Exercise prompt: Match the word "Category". Return each line of the data below where it appears.

Stored items
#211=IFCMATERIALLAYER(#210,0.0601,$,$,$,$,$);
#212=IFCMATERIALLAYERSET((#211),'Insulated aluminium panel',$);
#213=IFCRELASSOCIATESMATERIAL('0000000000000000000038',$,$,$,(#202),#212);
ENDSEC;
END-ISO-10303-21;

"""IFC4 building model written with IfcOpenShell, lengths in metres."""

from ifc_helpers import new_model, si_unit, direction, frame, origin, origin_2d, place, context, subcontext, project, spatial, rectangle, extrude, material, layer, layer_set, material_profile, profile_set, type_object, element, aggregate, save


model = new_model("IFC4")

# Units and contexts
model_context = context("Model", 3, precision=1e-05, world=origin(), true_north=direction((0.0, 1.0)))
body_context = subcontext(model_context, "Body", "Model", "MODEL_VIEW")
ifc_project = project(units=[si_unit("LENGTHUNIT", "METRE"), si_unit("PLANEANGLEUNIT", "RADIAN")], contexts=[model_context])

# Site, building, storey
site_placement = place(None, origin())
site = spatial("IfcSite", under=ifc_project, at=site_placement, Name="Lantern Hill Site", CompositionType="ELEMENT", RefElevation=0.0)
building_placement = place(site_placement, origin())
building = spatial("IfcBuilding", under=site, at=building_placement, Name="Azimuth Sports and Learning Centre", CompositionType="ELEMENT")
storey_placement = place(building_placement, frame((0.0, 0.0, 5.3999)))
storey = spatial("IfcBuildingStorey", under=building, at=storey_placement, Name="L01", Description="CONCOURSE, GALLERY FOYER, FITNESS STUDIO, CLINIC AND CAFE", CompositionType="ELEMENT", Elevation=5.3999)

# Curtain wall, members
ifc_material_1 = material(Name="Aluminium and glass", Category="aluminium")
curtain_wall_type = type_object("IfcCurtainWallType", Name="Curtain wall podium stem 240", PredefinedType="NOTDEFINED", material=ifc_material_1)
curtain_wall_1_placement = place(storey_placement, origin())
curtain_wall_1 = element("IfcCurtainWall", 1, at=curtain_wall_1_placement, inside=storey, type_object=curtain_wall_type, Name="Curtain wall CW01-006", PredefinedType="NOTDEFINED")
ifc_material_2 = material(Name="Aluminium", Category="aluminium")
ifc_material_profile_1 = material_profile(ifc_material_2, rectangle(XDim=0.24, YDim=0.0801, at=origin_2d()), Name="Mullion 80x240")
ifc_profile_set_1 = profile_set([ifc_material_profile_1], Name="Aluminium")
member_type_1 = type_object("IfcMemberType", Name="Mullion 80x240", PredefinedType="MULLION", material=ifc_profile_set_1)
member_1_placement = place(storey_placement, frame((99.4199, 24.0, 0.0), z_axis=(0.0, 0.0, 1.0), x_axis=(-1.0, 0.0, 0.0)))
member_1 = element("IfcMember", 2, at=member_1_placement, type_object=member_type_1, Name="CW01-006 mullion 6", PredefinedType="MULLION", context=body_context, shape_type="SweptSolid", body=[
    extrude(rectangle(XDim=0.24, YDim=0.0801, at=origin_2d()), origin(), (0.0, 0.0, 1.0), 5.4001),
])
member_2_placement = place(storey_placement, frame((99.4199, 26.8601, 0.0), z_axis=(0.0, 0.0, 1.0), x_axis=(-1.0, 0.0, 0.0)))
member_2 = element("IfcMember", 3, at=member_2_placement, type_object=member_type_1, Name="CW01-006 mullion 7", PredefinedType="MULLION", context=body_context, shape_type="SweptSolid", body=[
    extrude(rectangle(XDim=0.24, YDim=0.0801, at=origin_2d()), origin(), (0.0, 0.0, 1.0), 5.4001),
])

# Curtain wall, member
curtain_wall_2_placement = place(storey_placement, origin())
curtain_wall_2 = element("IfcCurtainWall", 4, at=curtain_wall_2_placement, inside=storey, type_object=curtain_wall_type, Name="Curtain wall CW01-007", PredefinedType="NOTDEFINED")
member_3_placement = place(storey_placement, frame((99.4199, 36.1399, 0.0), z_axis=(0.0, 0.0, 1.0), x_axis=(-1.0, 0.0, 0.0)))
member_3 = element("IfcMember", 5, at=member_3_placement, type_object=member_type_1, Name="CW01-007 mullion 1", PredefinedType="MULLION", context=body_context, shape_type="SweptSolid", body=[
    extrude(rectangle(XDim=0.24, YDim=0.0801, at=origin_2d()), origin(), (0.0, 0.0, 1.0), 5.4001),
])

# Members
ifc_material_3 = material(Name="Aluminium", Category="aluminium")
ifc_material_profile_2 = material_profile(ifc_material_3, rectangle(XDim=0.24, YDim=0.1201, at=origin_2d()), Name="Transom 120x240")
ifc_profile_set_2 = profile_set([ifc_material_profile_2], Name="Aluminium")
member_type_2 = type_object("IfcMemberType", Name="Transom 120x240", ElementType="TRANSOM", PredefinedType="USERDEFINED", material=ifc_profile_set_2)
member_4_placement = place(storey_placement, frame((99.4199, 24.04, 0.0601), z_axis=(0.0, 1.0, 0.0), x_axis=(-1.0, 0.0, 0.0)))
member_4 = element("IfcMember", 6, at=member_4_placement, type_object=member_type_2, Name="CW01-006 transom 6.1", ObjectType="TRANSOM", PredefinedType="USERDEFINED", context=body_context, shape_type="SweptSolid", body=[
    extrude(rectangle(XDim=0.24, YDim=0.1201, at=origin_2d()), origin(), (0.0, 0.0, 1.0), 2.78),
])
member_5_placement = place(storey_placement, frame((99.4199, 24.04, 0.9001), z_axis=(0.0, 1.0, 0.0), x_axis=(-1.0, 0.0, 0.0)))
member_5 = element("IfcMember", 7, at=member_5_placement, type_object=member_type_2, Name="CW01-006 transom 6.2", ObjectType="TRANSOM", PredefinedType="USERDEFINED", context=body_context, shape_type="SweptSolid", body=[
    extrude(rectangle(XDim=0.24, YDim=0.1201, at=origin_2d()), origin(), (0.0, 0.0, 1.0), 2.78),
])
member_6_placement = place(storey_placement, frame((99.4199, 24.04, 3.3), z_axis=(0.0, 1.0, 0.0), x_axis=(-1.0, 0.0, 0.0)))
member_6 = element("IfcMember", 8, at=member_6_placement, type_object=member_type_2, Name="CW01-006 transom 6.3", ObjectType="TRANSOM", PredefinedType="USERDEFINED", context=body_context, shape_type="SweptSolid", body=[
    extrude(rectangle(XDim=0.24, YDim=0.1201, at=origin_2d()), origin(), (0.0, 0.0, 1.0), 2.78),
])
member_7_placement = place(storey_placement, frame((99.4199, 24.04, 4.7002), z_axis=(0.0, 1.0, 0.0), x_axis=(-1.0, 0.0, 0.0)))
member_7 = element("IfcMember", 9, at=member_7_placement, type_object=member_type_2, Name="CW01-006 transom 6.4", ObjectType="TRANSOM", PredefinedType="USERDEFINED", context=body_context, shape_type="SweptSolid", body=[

Output:
ifc_material_1 = material(Name="Aluminium and glass", Category="aluminium")
ifc_material_2 = material(Name="Aluminium", Category="aluminium")
ifc_material_3 = material(Name="Aluminium", Category="aluminium")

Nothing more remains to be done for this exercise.